• **TASK TO COMPLETE**
When the string "MULLION" appears in a line of the records, show the whole line.

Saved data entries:
========

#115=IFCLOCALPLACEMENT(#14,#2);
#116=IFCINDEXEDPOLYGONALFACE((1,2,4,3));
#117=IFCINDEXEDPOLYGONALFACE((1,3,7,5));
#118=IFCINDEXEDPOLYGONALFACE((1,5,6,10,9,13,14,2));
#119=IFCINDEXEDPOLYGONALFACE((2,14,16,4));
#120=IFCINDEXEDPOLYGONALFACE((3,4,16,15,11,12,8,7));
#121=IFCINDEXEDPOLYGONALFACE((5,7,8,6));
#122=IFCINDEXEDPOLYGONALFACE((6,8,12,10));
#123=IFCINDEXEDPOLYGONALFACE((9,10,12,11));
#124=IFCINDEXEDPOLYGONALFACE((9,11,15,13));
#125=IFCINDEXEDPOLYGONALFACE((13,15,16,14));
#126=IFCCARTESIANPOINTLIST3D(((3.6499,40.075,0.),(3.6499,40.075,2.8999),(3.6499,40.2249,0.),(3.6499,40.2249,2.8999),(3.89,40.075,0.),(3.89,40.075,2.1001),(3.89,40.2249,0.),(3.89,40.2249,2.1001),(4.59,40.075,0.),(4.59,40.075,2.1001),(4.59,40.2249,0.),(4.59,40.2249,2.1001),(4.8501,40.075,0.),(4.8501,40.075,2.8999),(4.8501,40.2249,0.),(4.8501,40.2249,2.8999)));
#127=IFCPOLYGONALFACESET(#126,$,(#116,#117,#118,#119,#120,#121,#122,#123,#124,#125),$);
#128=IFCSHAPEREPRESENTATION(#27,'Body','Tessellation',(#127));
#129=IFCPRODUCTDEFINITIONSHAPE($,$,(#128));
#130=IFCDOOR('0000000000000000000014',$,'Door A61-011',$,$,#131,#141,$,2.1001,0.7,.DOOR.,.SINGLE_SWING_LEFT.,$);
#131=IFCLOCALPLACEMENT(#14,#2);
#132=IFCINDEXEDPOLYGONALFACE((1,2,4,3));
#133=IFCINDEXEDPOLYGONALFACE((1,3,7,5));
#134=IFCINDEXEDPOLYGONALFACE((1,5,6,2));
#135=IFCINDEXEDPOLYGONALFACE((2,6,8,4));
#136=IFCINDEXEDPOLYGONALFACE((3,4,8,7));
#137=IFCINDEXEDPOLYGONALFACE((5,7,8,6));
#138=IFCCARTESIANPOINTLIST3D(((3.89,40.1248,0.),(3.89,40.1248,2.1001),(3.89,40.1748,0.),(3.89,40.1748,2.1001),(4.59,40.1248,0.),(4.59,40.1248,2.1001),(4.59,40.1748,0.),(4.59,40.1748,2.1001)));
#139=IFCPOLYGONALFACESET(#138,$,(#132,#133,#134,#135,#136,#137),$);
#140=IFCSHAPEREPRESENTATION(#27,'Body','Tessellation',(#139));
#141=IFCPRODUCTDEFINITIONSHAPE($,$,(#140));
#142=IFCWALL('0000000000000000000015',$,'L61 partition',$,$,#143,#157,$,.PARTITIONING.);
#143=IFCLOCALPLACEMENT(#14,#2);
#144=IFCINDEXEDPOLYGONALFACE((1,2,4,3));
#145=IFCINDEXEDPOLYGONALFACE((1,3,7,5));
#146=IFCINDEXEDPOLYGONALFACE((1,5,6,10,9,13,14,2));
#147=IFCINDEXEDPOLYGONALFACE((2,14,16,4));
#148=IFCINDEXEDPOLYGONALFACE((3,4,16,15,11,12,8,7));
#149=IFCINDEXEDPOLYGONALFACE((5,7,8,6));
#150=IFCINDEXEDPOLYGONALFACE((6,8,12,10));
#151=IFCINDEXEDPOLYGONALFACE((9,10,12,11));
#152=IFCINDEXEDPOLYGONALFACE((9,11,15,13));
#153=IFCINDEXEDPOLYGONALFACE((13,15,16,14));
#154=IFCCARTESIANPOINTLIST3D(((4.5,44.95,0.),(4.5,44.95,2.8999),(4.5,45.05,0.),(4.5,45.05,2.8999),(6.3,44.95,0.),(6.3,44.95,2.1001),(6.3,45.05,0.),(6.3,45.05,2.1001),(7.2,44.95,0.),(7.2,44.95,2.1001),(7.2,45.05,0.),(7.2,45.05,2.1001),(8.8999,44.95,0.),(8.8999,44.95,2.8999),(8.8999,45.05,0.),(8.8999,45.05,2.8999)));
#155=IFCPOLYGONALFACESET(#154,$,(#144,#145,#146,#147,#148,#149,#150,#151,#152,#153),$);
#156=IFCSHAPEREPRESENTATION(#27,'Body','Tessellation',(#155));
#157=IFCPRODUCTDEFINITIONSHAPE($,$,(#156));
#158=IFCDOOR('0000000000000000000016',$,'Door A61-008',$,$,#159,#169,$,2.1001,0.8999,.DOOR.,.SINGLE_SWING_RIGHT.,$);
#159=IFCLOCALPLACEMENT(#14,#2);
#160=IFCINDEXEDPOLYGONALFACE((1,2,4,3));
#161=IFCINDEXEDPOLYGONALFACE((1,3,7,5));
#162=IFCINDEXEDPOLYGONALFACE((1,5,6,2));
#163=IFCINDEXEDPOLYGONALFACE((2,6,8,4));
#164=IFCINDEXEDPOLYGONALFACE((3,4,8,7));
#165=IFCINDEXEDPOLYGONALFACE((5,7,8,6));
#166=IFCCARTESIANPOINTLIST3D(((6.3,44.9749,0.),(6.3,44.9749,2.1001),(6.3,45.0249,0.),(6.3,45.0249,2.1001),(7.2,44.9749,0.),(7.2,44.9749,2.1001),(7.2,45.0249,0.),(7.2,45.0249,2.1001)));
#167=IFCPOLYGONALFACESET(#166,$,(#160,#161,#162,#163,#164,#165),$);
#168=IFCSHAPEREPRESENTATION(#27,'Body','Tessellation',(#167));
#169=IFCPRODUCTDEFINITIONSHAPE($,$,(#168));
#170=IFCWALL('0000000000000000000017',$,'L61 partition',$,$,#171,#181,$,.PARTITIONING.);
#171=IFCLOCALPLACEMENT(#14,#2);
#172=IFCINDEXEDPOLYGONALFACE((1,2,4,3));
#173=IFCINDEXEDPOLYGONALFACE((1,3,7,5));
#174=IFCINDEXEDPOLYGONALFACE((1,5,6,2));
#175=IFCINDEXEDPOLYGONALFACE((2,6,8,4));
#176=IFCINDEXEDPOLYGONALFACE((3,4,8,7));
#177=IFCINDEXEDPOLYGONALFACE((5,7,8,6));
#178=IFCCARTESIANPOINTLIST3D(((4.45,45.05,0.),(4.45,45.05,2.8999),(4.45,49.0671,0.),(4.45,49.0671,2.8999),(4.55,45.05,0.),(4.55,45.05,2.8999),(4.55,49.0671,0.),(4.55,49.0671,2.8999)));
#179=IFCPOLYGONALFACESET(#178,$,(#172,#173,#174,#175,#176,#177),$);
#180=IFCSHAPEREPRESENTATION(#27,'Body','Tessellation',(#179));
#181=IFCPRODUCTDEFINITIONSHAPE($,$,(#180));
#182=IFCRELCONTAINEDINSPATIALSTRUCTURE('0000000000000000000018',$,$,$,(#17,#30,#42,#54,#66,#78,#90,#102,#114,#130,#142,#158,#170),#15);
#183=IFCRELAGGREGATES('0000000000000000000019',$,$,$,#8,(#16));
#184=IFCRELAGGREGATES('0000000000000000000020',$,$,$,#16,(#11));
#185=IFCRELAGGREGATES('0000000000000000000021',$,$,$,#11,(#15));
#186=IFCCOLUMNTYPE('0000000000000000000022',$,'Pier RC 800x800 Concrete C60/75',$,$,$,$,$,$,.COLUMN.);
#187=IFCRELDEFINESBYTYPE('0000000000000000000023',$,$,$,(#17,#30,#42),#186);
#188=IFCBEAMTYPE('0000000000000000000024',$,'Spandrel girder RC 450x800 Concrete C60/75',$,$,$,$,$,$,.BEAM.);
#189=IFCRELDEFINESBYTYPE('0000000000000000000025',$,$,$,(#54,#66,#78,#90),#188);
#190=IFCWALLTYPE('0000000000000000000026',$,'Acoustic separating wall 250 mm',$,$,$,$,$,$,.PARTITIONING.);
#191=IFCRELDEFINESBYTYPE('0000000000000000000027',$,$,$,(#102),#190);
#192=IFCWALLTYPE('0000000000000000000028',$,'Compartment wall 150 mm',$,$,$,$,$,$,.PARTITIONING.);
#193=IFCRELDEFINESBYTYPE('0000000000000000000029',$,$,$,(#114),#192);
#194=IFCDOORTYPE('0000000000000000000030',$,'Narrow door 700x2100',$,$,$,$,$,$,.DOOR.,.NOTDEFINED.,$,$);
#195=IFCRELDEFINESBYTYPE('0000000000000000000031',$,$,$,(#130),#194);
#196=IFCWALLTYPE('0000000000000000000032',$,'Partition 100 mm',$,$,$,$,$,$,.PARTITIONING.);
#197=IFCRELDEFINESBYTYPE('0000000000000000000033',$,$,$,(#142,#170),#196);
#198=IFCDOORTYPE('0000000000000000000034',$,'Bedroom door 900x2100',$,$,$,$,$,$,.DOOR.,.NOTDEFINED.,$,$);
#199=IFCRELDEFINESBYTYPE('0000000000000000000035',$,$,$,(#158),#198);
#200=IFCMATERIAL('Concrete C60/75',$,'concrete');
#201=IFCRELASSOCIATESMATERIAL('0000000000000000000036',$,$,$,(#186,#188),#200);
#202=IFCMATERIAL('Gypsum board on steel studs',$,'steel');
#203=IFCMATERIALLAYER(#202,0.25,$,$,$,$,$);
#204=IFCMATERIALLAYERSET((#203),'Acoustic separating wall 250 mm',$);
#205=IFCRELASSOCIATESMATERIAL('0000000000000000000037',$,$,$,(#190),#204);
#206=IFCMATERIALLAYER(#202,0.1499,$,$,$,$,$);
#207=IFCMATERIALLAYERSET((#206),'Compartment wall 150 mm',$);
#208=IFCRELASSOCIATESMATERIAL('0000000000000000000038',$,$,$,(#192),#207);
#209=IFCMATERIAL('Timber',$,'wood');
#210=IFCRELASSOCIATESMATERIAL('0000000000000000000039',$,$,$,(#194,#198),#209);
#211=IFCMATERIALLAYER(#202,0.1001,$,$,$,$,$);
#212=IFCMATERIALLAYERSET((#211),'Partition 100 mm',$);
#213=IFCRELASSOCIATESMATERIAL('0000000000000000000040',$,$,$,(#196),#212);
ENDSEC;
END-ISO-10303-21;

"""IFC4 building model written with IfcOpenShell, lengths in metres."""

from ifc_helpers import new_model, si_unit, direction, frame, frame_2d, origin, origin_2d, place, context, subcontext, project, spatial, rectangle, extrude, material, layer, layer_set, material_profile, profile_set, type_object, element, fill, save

========

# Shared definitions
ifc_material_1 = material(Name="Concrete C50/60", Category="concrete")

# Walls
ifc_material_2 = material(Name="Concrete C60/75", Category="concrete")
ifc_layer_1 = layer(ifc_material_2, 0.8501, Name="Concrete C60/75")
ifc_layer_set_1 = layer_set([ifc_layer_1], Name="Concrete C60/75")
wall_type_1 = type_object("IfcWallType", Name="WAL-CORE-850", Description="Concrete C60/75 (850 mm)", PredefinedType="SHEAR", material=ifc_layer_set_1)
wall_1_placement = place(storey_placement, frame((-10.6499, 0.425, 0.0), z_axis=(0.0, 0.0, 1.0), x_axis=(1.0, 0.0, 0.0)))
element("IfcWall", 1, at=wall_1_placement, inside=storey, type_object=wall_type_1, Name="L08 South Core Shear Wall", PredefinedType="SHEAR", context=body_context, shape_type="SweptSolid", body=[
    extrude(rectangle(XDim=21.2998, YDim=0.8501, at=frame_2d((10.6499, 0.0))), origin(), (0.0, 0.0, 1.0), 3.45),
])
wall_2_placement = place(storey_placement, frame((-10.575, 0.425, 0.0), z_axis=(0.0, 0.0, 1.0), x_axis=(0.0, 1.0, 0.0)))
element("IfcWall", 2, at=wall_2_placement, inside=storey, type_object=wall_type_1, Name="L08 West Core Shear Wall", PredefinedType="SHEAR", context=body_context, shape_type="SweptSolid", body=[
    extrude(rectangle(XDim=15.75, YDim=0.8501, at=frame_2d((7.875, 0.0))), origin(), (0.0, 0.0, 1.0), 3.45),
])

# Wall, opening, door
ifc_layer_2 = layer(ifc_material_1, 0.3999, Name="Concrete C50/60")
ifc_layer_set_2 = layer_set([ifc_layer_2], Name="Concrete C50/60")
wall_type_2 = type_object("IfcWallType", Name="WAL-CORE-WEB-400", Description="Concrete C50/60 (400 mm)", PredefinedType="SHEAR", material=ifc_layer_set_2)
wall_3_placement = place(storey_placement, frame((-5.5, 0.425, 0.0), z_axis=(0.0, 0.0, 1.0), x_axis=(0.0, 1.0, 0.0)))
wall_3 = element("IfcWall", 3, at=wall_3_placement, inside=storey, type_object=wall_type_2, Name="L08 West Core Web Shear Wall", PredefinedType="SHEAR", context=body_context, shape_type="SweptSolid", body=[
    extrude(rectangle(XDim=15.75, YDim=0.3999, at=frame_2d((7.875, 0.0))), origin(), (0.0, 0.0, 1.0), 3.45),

========

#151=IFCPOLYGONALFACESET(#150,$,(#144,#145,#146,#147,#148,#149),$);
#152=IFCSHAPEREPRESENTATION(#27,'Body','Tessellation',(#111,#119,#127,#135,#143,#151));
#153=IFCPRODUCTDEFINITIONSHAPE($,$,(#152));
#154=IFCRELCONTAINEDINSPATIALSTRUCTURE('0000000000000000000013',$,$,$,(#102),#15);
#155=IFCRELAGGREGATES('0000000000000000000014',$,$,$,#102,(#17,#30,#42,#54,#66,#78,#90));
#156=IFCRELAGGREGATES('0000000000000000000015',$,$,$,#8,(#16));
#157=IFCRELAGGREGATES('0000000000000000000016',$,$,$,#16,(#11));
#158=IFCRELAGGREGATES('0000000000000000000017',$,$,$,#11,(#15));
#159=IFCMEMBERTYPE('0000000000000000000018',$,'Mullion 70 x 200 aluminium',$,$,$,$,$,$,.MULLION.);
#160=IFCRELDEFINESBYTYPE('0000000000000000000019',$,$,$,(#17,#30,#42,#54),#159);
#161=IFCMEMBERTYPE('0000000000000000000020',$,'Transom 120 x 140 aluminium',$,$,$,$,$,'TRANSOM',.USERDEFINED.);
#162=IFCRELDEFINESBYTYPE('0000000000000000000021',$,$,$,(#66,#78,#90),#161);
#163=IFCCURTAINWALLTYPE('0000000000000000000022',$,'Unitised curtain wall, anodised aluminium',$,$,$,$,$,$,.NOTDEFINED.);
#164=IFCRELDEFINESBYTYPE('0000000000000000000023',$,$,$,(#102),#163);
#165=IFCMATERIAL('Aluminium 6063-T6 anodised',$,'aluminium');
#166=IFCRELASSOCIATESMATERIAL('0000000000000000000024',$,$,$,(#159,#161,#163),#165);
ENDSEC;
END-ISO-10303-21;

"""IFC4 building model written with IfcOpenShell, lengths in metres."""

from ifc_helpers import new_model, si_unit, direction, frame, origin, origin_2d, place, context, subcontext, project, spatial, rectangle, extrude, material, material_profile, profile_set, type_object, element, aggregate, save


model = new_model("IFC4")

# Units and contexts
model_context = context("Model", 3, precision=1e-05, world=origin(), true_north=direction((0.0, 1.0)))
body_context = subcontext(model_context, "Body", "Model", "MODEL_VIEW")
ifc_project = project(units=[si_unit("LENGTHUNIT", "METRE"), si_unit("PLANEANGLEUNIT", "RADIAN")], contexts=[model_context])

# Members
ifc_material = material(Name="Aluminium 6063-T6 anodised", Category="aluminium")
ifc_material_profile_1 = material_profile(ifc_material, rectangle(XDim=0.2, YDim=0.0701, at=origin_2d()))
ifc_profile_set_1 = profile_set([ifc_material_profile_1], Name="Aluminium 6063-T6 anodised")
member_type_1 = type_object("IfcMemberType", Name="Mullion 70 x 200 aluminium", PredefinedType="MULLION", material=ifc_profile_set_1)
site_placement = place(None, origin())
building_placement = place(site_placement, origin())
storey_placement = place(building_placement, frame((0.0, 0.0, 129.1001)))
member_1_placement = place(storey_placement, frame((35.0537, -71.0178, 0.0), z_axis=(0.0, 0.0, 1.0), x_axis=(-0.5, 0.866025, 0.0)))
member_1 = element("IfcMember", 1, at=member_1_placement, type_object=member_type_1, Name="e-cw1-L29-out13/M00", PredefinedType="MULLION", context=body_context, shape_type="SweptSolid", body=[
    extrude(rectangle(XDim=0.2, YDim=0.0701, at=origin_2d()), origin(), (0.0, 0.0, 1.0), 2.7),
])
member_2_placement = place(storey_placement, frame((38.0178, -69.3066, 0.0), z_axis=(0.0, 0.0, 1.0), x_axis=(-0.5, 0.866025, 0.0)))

========

• **THE ANSWER**
#159=IFCMEMBERTYPE('0000000000000000000018',$,'Mullion 70 x 200 aluminium',$,$,$,$,$,$,.MULLION.);
member_type_1 = type_object("IfcMemberType", Name="Mullion 70 x 200 aluminium", PredefinedType="MULLION", material=ifc_profile_set_1)
member_1 = element("IfcMember", 1, at=member_1_placement, type_object=member_type_1, Name="e-cw1-L29-out13/M00", PredefinedType="MULLION", context=body_context, shape_type="SweptSolid", body=[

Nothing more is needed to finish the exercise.